» Material supplied
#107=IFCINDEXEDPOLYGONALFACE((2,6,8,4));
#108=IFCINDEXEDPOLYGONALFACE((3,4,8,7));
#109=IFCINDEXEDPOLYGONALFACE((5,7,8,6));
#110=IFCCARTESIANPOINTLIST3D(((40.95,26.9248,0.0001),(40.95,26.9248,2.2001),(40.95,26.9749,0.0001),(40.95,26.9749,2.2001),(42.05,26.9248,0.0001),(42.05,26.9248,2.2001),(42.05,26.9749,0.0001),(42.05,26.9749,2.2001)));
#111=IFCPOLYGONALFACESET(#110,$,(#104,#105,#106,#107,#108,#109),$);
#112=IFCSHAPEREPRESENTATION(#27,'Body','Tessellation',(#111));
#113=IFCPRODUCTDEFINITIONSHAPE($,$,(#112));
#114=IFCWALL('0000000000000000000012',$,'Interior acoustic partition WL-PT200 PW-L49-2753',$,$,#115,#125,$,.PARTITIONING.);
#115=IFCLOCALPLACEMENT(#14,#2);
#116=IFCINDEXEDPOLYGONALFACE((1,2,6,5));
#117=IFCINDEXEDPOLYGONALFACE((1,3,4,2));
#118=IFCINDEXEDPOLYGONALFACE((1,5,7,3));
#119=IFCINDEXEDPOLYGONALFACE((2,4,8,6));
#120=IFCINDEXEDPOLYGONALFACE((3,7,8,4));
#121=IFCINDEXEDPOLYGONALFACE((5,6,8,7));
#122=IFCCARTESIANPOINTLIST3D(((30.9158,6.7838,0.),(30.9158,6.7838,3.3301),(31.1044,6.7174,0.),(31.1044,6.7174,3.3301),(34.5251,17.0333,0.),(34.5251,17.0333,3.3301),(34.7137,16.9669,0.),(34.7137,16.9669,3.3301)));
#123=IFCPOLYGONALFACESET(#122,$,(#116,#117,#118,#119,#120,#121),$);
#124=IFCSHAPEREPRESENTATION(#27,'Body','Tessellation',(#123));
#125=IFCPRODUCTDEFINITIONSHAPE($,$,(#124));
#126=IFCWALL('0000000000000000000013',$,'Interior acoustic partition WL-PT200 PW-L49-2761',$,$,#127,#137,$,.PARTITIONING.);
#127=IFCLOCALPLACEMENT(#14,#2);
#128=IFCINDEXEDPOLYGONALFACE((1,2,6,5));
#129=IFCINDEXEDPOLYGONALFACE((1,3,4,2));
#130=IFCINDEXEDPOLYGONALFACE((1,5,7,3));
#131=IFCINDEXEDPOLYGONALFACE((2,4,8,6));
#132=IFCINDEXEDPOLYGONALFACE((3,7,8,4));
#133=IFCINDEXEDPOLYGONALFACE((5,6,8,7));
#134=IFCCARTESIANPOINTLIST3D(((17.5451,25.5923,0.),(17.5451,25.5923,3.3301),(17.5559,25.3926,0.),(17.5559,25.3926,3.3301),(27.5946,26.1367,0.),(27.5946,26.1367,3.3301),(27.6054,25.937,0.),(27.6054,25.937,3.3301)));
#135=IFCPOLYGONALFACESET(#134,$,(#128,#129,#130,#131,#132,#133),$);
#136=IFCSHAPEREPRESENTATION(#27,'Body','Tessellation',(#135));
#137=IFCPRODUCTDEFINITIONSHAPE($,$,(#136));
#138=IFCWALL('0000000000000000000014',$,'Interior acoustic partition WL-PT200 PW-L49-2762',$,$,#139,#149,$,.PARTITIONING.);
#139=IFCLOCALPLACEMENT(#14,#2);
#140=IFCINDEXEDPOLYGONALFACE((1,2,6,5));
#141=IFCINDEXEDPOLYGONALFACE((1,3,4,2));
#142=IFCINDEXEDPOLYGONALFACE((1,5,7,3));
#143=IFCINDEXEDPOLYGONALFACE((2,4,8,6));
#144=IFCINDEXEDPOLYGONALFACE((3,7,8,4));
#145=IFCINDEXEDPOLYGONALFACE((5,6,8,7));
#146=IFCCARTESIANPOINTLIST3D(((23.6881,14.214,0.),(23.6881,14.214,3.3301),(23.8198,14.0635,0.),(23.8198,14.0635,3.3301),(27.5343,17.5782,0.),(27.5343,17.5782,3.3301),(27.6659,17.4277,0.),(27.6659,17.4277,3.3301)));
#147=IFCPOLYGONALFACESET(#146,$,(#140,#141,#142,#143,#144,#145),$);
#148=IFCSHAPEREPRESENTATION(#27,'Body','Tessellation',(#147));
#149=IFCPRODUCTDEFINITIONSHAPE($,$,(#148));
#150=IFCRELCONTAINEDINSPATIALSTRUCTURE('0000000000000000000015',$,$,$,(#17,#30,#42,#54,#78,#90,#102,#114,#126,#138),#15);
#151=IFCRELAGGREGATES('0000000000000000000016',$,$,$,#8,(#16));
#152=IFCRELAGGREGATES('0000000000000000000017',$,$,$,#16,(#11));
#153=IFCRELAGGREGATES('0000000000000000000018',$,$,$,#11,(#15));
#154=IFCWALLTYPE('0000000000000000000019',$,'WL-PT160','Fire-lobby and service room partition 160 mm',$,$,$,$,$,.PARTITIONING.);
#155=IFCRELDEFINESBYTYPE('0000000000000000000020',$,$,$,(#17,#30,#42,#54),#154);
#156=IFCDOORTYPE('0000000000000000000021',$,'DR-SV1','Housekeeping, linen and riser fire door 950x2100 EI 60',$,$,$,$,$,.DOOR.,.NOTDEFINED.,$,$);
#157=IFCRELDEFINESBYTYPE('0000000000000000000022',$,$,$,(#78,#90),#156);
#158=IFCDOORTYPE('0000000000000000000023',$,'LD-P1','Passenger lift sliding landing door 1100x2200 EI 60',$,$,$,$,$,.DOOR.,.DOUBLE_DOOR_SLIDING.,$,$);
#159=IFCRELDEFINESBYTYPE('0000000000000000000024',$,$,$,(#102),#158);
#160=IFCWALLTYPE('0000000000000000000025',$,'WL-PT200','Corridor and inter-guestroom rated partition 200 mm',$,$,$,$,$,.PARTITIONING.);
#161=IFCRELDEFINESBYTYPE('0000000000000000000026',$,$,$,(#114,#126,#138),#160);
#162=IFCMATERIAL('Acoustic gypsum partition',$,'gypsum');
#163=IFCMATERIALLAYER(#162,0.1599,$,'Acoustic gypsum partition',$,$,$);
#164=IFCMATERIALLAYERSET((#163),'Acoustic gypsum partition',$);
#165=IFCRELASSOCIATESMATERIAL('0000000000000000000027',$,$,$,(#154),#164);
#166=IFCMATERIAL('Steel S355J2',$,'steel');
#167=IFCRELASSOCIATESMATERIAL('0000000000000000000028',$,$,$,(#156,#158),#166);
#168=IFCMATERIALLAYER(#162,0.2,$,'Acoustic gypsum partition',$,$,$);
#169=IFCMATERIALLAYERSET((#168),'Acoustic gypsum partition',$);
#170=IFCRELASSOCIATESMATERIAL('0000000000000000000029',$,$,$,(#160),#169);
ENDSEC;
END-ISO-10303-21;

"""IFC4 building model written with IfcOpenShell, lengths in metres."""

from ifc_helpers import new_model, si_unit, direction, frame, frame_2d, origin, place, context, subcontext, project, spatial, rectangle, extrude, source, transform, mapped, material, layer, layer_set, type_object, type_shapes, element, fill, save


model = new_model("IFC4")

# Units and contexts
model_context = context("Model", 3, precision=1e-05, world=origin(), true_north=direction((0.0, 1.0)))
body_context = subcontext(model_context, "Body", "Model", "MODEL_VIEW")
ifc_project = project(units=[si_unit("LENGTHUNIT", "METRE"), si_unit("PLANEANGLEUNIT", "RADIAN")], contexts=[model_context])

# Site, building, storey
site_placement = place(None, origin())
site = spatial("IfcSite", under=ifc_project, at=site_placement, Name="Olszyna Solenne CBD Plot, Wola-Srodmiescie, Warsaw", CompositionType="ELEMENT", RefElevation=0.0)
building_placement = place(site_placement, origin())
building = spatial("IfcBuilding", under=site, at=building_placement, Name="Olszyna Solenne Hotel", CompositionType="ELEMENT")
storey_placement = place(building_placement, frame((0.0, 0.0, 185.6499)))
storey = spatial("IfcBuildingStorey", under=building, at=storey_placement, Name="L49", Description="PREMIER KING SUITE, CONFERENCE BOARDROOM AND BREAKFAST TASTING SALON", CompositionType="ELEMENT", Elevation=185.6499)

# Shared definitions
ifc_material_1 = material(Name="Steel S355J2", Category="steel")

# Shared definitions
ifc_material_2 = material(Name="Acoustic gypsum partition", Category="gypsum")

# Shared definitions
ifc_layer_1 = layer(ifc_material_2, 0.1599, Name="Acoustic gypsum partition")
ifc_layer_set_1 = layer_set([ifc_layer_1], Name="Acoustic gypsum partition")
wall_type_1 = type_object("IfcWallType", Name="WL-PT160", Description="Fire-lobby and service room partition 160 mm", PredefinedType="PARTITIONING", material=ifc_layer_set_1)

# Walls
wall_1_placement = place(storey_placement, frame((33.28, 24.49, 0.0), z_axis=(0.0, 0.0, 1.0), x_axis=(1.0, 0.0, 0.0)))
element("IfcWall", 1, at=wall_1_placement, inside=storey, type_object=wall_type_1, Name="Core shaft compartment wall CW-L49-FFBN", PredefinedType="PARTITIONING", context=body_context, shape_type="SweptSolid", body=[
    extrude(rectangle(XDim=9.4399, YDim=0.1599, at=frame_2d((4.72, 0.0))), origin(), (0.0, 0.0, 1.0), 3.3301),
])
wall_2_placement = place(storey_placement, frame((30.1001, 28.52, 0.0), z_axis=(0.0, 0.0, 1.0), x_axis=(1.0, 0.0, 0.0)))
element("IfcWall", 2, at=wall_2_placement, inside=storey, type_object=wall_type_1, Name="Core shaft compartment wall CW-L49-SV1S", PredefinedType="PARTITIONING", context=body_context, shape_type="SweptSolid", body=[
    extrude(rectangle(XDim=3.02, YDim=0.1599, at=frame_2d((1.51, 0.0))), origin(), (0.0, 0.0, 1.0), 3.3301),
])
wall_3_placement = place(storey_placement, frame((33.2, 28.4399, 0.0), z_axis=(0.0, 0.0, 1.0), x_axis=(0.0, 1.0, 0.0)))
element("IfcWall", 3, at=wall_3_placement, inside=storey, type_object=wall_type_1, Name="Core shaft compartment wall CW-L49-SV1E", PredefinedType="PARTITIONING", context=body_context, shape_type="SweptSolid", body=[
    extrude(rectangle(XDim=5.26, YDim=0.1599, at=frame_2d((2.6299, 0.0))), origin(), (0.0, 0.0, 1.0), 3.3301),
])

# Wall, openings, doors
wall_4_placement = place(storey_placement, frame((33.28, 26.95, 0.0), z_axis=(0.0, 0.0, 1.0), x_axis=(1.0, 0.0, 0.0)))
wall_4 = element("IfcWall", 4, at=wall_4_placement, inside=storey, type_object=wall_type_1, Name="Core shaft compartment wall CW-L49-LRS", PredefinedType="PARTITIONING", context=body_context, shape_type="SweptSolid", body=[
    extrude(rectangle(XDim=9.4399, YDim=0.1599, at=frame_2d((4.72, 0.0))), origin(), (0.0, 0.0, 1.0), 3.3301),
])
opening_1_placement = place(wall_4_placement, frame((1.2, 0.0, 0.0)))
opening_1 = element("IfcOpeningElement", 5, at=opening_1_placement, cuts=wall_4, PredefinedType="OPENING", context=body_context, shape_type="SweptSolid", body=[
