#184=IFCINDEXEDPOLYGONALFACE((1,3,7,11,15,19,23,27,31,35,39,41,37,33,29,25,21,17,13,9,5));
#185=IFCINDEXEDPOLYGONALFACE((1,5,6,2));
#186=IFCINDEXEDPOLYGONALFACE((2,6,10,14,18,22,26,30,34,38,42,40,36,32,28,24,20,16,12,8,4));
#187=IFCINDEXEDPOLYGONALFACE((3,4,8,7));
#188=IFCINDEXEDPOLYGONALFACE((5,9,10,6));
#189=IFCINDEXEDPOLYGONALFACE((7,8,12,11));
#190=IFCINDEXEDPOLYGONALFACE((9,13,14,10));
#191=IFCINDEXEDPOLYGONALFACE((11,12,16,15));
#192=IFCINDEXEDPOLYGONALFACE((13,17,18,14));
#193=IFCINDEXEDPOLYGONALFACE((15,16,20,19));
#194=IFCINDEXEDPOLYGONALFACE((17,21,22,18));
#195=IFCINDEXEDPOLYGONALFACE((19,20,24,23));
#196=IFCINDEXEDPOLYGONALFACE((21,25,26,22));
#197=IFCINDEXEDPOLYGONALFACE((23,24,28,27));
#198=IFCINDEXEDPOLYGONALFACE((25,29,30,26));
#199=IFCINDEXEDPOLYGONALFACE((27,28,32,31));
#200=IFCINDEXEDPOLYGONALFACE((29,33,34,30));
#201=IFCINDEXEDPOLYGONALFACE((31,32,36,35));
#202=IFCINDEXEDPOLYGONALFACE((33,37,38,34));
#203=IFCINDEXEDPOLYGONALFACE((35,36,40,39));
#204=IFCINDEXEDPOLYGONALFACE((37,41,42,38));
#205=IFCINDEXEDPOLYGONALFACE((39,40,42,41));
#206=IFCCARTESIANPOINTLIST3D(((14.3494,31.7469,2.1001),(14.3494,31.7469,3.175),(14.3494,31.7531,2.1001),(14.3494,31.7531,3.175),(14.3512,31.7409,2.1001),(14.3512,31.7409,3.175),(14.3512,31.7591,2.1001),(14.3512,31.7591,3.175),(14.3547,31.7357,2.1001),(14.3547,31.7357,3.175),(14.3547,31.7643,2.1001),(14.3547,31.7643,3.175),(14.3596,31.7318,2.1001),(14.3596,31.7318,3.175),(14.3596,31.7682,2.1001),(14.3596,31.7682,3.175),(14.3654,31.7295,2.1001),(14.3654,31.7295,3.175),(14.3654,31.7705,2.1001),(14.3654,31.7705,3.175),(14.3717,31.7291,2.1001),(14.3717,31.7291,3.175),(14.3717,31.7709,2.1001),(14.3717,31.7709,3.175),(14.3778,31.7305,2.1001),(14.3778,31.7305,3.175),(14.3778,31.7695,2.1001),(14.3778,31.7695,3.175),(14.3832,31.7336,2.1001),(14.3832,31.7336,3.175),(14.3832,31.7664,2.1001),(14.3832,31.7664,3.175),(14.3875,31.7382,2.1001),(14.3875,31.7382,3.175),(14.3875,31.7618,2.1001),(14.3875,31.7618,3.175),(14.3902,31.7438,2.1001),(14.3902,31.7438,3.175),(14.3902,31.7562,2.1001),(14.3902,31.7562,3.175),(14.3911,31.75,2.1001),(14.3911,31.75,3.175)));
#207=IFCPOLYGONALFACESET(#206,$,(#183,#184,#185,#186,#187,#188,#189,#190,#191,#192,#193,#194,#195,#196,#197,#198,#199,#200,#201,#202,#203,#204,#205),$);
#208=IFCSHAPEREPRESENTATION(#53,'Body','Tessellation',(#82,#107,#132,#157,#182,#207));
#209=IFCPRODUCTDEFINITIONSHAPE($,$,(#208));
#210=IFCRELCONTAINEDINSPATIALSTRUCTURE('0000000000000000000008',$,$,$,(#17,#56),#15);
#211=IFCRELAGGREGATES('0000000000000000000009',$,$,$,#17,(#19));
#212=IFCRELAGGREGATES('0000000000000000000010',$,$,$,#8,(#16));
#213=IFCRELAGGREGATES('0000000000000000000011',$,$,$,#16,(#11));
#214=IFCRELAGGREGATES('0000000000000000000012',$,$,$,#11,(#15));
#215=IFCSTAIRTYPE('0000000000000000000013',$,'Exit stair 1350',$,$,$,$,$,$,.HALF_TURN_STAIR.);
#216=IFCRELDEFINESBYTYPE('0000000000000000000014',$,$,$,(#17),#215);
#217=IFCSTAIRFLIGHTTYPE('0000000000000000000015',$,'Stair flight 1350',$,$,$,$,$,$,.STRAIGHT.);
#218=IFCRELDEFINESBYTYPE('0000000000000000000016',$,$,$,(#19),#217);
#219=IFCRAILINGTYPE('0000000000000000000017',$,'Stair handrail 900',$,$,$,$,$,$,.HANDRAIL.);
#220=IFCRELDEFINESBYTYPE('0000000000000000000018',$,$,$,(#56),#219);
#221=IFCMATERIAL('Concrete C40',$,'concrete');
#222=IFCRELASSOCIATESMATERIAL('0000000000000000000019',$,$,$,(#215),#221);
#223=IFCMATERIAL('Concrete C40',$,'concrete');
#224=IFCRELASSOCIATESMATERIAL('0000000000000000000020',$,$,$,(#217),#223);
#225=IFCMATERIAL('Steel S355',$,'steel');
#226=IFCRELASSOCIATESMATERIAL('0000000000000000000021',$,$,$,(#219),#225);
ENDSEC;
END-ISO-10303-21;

» What you should do
Look back at the entries above. Retype the line with "#162=IFCMATERIAL('Acoustic gypsum partition',$,'gypsum');", the line with "#166=IFCMATERIAL('Steel S355J2',$,'steel');", and all lines in between.

» Answer to the problem
#162=IFCMATERIAL('Acoustic gypsum partition',$,'gypsum');
#163=IFCMATERIALLAYER(#162,0.1599,$,'Acoustic gypsum partition',$,$,$);
#164=IFCMATERIALLAYERSET((#163),'Acoustic gypsum partition',$);
#165=IFCRELASSOCIATESMATERIAL('0000000000000000000027',$,$,$,(#154),#164);
#166=IFCMATERIAL('Steel S355J2',$,'steel');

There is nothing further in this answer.